**Input data:**
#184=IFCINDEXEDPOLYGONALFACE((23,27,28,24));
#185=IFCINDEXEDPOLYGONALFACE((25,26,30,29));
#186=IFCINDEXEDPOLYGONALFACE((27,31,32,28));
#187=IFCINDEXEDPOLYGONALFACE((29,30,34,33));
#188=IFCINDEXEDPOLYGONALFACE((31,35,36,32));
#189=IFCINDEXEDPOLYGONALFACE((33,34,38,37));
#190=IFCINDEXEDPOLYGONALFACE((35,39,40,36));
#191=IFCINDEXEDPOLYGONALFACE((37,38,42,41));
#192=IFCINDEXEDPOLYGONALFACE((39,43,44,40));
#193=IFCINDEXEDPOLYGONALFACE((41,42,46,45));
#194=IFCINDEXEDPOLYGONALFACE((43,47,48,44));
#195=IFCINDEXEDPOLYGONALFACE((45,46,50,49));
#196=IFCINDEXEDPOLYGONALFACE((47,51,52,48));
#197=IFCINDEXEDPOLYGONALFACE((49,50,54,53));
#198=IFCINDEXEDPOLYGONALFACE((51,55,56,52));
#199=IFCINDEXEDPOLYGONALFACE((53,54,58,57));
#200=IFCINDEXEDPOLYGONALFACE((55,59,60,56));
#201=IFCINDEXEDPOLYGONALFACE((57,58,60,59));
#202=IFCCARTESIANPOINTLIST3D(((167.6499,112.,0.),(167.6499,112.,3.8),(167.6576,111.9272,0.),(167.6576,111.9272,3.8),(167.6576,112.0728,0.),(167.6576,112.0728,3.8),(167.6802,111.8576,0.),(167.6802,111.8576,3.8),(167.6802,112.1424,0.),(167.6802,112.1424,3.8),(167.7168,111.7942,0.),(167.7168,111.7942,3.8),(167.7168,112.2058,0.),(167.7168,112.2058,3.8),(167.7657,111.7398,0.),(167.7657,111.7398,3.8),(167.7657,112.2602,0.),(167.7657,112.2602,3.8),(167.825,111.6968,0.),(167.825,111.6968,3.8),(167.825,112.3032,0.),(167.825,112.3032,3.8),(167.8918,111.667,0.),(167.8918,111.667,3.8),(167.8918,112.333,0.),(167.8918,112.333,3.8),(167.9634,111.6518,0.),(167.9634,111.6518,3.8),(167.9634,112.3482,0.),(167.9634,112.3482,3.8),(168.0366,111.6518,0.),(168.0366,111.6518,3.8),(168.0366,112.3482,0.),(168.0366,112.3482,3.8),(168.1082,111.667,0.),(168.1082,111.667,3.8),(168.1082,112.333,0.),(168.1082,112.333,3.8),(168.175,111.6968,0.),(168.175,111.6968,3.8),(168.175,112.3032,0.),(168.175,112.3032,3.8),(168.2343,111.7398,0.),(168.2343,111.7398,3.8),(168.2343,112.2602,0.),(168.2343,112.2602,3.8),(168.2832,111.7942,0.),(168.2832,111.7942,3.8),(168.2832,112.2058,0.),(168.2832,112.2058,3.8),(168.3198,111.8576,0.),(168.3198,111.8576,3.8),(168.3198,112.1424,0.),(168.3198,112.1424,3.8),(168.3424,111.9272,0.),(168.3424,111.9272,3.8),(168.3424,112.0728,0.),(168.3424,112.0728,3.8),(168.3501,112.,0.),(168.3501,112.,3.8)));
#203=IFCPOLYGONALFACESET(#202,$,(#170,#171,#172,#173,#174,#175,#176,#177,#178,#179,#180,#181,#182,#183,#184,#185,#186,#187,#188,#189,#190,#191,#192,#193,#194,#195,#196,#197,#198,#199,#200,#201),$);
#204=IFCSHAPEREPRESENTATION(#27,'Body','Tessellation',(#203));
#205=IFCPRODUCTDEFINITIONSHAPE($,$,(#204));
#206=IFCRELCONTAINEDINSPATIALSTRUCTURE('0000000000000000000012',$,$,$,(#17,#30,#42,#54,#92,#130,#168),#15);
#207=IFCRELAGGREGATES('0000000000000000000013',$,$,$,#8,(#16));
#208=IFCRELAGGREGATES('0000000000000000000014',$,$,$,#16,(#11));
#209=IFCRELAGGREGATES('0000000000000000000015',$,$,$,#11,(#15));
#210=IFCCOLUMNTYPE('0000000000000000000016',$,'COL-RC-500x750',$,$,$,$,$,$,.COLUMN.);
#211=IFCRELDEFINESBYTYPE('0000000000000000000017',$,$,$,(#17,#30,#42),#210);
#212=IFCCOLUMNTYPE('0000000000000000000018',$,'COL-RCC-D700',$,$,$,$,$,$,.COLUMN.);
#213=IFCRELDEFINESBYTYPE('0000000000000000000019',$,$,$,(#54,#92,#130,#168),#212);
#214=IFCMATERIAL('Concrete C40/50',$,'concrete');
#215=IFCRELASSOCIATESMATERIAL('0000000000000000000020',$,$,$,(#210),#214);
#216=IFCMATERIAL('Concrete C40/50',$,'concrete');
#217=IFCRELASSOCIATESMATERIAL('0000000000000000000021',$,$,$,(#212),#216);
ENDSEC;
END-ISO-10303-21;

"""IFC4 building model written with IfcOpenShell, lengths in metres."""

**The task:**
Transcribe the data above completely and exactly.

**Completed exercise:**
#184=IFCINDEXEDPOLYGONALFACE((23,27,28,24));
#185=IFCINDEXEDPOLYGONALFACE((25,26,30,29));
#186=IFCINDEXEDPOLYGONALFACE((27,31,32,28));
#187=IFCINDEXEDPOLYGONALFACE((29,30,34,33));
#188=IFCINDEXEDPOLYGONALFACE((31,35,36,32));
#189=IFCINDEXEDPOLYGONALFACE((33,34,38,37));
#190=IFCINDEXEDPOLYGONALFACE((35,39,40,36));
#191=IFCINDEXEDPOLYGONALFACE((37,38,42,41));
#192=IFCINDEXEDPOLYGONALFACE((39,43,44,40));
#193=IFCINDEXEDPOLYGONALFACE((41,42,46,45));
#194=IFCINDEXEDPOLYGONALFACE((43,47,48,44));
#195=IFCINDEXEDPOLYGONALFACE((45,46,50,49));
#196=IFCINDEXEDPOLYGONALFACE((47,51,52,48));
#197=IFCINDEXEDPOLYGONALFACE((49,50,54,53));
#198=IFCINDEXEDPOLYGONALFACE((51,55,56,52));
#199=IFCINDEXEDPOLYGONALFACE((53,54,58,57));
#200=IFCINDEXEDPOLYGONALFACE((55,59,60,56));
#201=IFCINDEXEDPOLYGONALFACE((57,58,60,59));
#202=IFCCARTESIANPOINTLIST3D(((167.6499,112.,0.),(167.6499,112.,3.8),(167.6576,111.9272,0.),(167.6576,111.9272,3.8),(167.6576,112.0728,0.),(167.6576,112.0728,3.8),(167.6802,111.8576,0.),(167.6802,111.8576,3.8),(167.6802,112.1424,0.),(167.6802,112.1424,3.8),(167.7168,111.7942,0.),(167.7168,111.7942,3.8),(167.7168,112.2058,0.),(167.7168,112.2058,3.8),(167.7657,111.7398,0.),(167.7657,111.7398,3.8),(167.7657,112.2602,0.),(167.7657,112.2602,3.8),(167.825,111.6968,0.),(167.825,111.6968,3.8),(167.825,112.3032,0.),(167.825,112.3032,3.8),(167.8918,111.667,0.),(167.8918,111.667,3.8),(167.8918,112.333,0.),(167.8918,112.333,3.8),(167.9634,111.6518,0.),(167.9634,111.6518,3.8),(167.9634,112.3482,0.),(167.9634,112.3482,3.8),(168.0366,111.6518,0.),(168.0366,111.6518,3.8),(168.0366,112.3482,0.),(168.0366,112.3482,3.8),(168.1082,111.667,0.),(168.1082,111.667,3.8),(168.1082,112.333,0.),(168.1082,112.333,3.8),(168.175,111.6968,0.),(168.175,111.6968,3.8),(168.175,112.3032,0.),(168.175,112.3032,3.8),(168.2343,111.7398,0.),(168.2343,111.7398,3.8),(168.2343,112.2602,0.),(168.2343,112.2602,3.8),(168.2832,111.7942,0.),(168.2832,111.7942,3.8),(168.2832,112.2058,0.),(168.2832,112.2058,3.8),(168.3198,111.8576,0.),(168.3198,111.8576,3.8),(168.3198,112.1424,0.),(168.3198,112.1424,3.8),(168.3424,111.9272,0.),(168.3424,111.9272,3.8),(168.3424,112.0728,0.),(168.3424,112.0728,3.8),(168.3501,112.,0.),(168.3501,112.,3.8)));
#203=IFCPOLYGONALFACESET(#202,$,(#170,#171,#172,#173,#174,#175,#176,#177,#178,#179,#180,#181,#182,#183,#184,#185,#186,#187,#188,#189,#190,#191,#192,#193,#194,#195,#196,#197,#198,#199,#200,#201),$);
#204=IFCSHAPEREPRESENTATION(#27,'Body','Tessellation',(#203));
#205=IFCPRODUCTDEFINITIONSHAPE($,$,(#204));
#206=IFCRELCONTAINEDINSPATIALSTRUCTURE('0000000000000000000012',$,$,$,(#17,#30,#42,#54,#92,#130,#168),#15);
#207=IFCRELAGGREGATES('0000000000000000000013',$,$,$,#8,(#16));
#208=IFCRELAGGREGATES('0000000000000000000014',$,$,$,#16,(#11));
#209=IFCRELAGGREGATES('0000000000000000000015',$,$,$,#11,(#15));
#210=IFCCOLUMNTYPE('0000000000000000000016',$,'COL-RC-500x750',$,$,$,$,$,$,.COLUMN.);
#211=IFCRELDEFINESBYTYPE('0000000000000000000017',$,$,$,(#17,#30,#42),#210);
#212=IFCCOLUMNTYPE('0000000000000000000018',$,'COL-RCC-D700',$,$,$,$,$,$,.COLUMN.);
#213=IFCRELDEFINESBYTYPE('0000000000000000000019',$,$,$,(#54,#92,#130,#168),#212);
#214=IFCMATERIAL('Concrete C40/50',$,'concrete');
#215=IFCRELASSOCIATESMATERIAL('0000000000000000000020',$,$,$,(#210),#214);
#216=IFCMATERIAL('Concrete C40/50',$,'concrete');
#217=IFCRELASSOCIATESMATERIAL('0000000000000000000021',$,$,$,(#212),#216);
ENDSEC;
END-ISO-10303-21;

"""IFC4 building model written with IfcOpenShell, lengths in metres."""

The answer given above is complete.